● What this task involves:
Out of the material that follows, write out exactly the lines from the line with "garden glazing 24',$,$,$,$,$,$,.CURTAIN_PANEL.);" to the line with "#197=IFCMATERIALLAYER(#196,0.1499,$,$,$,$,$);", both ends included, and no others.
┌─ Extracted entries
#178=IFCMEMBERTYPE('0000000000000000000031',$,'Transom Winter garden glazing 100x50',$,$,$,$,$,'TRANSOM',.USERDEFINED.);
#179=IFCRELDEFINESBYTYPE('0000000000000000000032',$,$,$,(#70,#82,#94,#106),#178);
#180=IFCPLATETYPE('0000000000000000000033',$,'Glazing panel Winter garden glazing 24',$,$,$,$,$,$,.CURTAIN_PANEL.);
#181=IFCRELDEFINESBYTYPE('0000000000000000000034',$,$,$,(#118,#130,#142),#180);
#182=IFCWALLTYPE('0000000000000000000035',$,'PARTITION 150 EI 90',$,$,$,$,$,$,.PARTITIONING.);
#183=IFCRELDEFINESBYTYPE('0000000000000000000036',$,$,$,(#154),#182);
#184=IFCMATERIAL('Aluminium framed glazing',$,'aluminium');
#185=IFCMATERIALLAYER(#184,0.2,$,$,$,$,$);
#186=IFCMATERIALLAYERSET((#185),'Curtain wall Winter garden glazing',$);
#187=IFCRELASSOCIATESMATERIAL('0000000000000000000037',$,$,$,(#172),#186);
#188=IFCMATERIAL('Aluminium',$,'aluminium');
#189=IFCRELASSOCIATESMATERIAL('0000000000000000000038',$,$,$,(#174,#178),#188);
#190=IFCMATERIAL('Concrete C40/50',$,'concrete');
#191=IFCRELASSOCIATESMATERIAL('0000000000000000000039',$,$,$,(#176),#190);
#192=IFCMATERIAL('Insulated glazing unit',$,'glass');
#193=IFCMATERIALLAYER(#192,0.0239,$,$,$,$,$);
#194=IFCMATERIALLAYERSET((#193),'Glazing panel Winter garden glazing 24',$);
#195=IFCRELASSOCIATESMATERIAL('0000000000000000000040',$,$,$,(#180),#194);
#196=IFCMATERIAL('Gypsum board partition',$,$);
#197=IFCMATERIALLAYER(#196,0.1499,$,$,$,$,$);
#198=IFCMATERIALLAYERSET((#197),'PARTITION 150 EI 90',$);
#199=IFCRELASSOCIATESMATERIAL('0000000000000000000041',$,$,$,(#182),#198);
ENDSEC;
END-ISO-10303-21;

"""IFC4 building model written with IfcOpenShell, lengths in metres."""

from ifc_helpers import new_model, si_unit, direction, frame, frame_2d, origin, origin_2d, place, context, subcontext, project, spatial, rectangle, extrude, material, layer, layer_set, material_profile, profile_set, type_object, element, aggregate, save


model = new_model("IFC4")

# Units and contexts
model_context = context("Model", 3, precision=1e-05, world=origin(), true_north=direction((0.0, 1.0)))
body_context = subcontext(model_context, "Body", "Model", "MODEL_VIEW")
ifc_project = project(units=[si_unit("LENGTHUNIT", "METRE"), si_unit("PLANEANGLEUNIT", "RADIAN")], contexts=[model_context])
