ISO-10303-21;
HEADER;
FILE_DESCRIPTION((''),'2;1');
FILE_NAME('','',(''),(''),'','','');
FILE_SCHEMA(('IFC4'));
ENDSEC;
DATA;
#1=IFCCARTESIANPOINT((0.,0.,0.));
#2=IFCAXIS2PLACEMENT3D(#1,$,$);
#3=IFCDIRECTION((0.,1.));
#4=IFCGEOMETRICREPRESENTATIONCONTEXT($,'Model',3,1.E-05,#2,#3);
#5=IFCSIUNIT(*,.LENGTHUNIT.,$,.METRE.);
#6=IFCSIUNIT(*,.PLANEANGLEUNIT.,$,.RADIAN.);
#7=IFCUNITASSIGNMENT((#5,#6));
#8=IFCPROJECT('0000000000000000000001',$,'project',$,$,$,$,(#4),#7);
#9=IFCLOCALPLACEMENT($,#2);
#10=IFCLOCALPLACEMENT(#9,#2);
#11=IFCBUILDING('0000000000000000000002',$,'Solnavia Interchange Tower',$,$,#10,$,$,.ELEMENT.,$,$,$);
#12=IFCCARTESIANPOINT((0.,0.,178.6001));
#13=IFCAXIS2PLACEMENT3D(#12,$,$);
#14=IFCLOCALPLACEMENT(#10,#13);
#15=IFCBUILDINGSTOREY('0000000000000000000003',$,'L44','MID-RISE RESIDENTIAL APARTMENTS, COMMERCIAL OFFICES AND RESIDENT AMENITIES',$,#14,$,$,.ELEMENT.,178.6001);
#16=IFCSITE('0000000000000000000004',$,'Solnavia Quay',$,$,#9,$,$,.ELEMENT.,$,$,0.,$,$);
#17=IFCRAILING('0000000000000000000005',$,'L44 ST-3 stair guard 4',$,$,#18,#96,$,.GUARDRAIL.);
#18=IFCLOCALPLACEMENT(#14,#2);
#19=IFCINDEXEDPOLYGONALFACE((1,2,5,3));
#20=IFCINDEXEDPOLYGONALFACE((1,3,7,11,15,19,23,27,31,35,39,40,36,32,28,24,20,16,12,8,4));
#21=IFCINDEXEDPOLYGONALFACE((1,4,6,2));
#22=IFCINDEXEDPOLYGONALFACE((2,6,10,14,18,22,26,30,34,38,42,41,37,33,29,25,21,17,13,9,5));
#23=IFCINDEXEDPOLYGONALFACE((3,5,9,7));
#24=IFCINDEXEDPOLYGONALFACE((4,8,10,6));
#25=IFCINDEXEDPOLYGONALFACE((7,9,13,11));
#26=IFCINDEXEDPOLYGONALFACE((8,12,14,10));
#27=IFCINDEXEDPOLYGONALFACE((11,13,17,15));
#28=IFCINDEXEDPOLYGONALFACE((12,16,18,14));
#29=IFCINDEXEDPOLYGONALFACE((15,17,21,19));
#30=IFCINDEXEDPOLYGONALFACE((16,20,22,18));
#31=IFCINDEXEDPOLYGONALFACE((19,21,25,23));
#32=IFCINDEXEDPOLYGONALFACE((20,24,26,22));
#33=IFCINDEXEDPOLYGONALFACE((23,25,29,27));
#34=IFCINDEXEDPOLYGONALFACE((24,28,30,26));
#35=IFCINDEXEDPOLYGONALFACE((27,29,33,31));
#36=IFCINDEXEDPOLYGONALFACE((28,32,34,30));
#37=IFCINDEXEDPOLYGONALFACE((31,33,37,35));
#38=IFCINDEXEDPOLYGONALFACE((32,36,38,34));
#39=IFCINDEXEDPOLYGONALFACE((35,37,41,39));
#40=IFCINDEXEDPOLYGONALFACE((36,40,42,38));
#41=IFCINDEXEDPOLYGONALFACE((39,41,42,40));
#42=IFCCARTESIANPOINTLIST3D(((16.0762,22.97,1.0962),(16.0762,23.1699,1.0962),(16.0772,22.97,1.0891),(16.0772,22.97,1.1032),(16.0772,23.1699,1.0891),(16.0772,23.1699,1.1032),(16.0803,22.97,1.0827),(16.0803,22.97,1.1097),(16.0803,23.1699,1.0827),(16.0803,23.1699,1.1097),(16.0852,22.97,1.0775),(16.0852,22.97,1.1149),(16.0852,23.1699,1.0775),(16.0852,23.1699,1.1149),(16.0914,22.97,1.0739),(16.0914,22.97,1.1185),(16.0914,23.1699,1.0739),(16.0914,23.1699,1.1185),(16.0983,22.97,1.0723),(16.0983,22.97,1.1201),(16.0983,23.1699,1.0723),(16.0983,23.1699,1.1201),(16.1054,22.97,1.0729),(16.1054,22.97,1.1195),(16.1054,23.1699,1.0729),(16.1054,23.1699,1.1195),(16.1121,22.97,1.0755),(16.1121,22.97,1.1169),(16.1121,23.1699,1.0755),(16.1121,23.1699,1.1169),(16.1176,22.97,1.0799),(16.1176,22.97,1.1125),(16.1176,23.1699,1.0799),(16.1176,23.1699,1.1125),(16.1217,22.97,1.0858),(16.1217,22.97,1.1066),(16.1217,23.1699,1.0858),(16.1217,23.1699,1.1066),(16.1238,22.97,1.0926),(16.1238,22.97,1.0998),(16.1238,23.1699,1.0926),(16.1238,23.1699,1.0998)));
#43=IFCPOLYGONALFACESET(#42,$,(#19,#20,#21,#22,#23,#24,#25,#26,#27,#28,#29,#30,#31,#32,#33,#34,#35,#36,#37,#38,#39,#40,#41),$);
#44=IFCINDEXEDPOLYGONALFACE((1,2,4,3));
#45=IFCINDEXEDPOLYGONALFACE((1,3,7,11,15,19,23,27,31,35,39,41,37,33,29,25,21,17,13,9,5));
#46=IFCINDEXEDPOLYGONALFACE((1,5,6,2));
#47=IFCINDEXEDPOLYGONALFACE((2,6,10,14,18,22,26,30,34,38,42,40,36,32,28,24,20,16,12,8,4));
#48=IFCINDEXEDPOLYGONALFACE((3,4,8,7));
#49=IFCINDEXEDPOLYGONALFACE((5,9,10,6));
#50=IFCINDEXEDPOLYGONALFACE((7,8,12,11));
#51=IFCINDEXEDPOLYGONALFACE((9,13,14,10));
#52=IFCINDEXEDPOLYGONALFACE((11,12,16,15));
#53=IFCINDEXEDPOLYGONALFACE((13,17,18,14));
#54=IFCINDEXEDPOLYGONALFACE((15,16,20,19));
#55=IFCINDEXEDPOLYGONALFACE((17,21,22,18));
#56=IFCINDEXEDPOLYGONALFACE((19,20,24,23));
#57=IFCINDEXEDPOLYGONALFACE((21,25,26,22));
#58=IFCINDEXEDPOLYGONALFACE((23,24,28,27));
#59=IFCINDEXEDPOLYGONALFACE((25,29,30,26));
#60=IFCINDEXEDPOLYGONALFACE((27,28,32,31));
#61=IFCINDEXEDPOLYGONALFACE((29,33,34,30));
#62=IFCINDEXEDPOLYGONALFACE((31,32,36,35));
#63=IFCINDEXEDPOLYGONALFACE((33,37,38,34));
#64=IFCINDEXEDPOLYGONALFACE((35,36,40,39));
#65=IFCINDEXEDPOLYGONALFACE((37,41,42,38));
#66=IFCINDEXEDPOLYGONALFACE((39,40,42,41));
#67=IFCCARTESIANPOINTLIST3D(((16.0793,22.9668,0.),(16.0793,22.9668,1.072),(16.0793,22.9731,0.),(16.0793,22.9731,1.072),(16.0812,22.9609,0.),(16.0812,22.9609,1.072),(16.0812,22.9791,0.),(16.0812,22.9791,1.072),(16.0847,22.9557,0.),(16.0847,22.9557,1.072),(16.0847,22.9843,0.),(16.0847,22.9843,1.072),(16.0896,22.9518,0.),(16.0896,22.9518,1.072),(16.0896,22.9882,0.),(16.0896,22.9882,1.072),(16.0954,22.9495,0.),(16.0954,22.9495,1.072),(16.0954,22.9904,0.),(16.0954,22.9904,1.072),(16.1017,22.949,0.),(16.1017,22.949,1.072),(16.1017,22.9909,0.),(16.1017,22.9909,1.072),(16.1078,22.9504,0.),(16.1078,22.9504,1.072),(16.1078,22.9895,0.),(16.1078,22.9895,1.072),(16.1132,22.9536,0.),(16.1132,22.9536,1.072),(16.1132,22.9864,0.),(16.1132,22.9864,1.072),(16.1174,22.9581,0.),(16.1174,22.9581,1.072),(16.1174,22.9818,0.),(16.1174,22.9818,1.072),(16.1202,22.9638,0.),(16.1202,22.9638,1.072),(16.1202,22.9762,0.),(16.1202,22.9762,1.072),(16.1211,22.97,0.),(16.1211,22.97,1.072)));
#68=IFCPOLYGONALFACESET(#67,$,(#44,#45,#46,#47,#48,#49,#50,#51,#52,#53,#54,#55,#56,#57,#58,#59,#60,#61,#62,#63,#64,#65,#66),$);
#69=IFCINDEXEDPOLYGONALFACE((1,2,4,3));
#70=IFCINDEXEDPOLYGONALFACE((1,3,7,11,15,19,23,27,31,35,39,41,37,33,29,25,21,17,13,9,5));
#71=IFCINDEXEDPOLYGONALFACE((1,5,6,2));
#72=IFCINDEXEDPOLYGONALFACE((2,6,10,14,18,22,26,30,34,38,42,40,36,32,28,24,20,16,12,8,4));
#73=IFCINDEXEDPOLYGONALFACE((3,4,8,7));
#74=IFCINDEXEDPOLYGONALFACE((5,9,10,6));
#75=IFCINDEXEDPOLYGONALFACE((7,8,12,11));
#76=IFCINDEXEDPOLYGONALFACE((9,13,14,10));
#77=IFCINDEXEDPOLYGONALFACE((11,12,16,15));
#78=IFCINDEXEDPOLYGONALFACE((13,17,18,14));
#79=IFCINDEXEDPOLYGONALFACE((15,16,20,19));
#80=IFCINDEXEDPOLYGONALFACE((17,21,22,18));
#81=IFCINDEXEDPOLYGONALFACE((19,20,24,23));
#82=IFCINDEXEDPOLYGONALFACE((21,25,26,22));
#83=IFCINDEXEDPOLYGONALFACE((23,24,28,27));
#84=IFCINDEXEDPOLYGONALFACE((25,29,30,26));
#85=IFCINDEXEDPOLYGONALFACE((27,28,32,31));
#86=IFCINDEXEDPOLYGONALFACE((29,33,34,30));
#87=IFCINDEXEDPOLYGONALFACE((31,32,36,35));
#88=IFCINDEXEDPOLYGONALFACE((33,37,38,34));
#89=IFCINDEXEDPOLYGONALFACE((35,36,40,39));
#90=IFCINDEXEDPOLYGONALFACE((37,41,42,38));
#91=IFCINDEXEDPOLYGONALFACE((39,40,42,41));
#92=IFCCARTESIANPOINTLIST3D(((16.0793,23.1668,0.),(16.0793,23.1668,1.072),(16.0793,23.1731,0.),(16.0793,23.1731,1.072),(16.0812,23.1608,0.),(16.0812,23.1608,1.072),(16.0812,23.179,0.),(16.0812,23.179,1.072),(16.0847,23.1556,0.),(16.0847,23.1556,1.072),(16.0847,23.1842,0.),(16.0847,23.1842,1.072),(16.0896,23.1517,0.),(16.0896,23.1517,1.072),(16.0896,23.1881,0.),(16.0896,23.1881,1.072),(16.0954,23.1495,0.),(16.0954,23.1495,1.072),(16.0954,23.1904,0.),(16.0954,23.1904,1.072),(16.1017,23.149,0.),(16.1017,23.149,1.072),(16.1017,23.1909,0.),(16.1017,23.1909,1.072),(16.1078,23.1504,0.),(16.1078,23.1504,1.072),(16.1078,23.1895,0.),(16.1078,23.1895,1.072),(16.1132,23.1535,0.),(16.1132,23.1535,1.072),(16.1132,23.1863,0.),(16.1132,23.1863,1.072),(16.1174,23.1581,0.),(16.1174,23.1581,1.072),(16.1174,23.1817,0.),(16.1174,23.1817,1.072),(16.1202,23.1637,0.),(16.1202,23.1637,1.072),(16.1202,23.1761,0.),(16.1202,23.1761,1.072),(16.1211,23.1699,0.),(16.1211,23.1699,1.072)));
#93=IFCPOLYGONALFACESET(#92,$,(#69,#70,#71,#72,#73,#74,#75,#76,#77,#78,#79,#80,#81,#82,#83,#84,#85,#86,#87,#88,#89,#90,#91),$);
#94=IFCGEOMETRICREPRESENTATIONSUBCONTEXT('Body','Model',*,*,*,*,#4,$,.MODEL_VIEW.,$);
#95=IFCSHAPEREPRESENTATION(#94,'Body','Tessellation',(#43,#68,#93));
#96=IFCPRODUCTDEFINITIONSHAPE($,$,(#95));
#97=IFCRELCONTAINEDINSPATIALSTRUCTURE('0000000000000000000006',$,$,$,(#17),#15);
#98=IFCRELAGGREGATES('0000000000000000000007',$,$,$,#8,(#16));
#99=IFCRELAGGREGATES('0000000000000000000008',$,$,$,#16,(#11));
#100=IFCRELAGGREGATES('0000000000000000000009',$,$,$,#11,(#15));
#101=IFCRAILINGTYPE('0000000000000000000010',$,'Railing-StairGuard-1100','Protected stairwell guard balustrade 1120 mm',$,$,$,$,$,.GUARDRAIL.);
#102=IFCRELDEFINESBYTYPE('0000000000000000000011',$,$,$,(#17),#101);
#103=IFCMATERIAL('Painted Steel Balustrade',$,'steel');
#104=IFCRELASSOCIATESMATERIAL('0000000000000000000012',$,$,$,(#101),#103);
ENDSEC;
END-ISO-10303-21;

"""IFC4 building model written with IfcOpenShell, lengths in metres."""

from ifc_helpers import new_model, si_unit, direction, frame, origin, origin_2d, place, context, subcontext, project, spatial, circle, extrude, material, type_object, element, save


model = new_model("IFC4")

# Units and contexts
model_context = context("Model", 3, precision=1e-05, world=origin(), true_north=direction((0.0, 1.0)))
body_context = subcontext(model_context, "Body", "Model", "MODEL_VIEW")
ifc_project = project(units=[si_unit("LENGTHUNIT", "METRE"), si_unit("PLANEANGLEUNIT", "RADIAN")], contexts=[model_context])

# Site, building, storey
site_placement = place(None, origin())
site = spatial("IfcSite", under=ifc_project, at=site_placement, Name="Solnavia Quay", CompositionType="ELEMENT", RefElevation=0.0)
building_placement = place(site_placement, origin())
building = spatial("IfcBuilding", under=site, at=building_placement, Name="Solnavia Interchange Tower", CompositionType="ELEMENT")
storey_placement = place(building_placement, frame((0.0, 0.0, 178.6001)))
storey = spatial("IfcBuildingStorey", under=building, at=storey_placement, Name="L44", Description="MID-RISE RESIDENTIAL APARTMENTS, COMMERCIAL OFFICES AND RESIDENT AMENITIES", CompositionType="ELEMENT", Elevation=178.6001)

# Railing
ifc_material_1 = material(Name="Painted Steel Balustrade", Category="steel")
railing_type_1 = type_object("IfcRailingType", Name="Railing-StairGuard-1100", Description="Protected stairwell guard balustrade 1120 mm", PredefinedType="GUARDRAIL", material=ifc_material_1)
railing_1_placement = place(storey_placement, frame((16.1001, 22.97, 0.0)))
element("IfcRailing", 1, at=railing_1_placement, inside=storey, type_object=railing_type_1, Name="L44 ST-3 stair guard 4", PredefinedType="GUARDRAIL", context=body_context, shape_type="SweptSolid", body=[
    extrude(circle(Radius=0.0239, at=origin_2d()), frame((0.0, 0.0, 1.0962), z_axis=(0.0, 1.0, 0.0), x_axis=(-1.0, 0.0, 0.0)), (0.0, 0.0, 1.0), 0.2),
    extrude(circle(Radius=0.021, at=origin_2d()), origin(), (0.0, 0.0, 1.0), 1.072),
    extrude(circle(Radius=0.021, at=origin_2d()), frame((0.0, 0.2, 0.0)), (0.0, 0.0, 1.0), 1.072),
])

save(model, "model.ifc")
└─
● Answer box:
#180=IFCPLATETYPE('0000000000000000000033',$,'Glazing panel Winter garden glazing 24',$,$,$,$,$,$,.CURTAIN_PANEL.);
#181=IFCRELDEFINESBYTYPE('0000000000000000000034',$,$,$,(#118,#130,#142),#180);
#182=IFCWALLTYPE('0000000000000000000035',$,'PARTITION 150 EI 90',$,$,$,$,$,$,.PARTITIONING.);
#183=IFCRELDEFINESBYTYPE('0000000000000000000036',$,$,$,(#154),#182);
#184=IFCMATERIAL('Aluminium framed glazing',$,'aluminium');
#185=IFCMATERIALLAYER(#184,0.2,$,$,$,$,$);
#186=IFCMATERIALLAYERSET((#185),'Curtain wall Winter garden glazing',$);
#187=IFCRELASSOCIATESMATERIAL('0000000000000000000037',$,$,$,(#172),#186);
#188=IFCMATERIAL('Aluminium',$,'aluminium');
#189=IFCRELASSOCIATESMATERIAL('0000000000000000000038',$,$,$,(#174,#178),#188);
#190=IFCMATERIAL('Concrete C40/50',$,'concrete');
#191=IFCRELASSOCIATESMATERIAL('0000000000000000000039',$,$,$,(#176),#190);
#192=IFCMATERIAL('Insulated glazing unit',$,'glass');
#193=IFCMATERIALLAYER(#192,0.0239,$,$,$,$,$);
#194=IFCMATERIALLAYERSET((#193),'Glazing panel Winter garden glazing 24',$);
#195=IFCRELASSOCIATESMATERIAL('0000000000000000000040',$,$,$,(#180),#194);
#196=IFCMATERIAL('Gypsum board partition',$,$);
#197=IFCMATERIALLAYER(#196,0.1499,$,$,$,$,$);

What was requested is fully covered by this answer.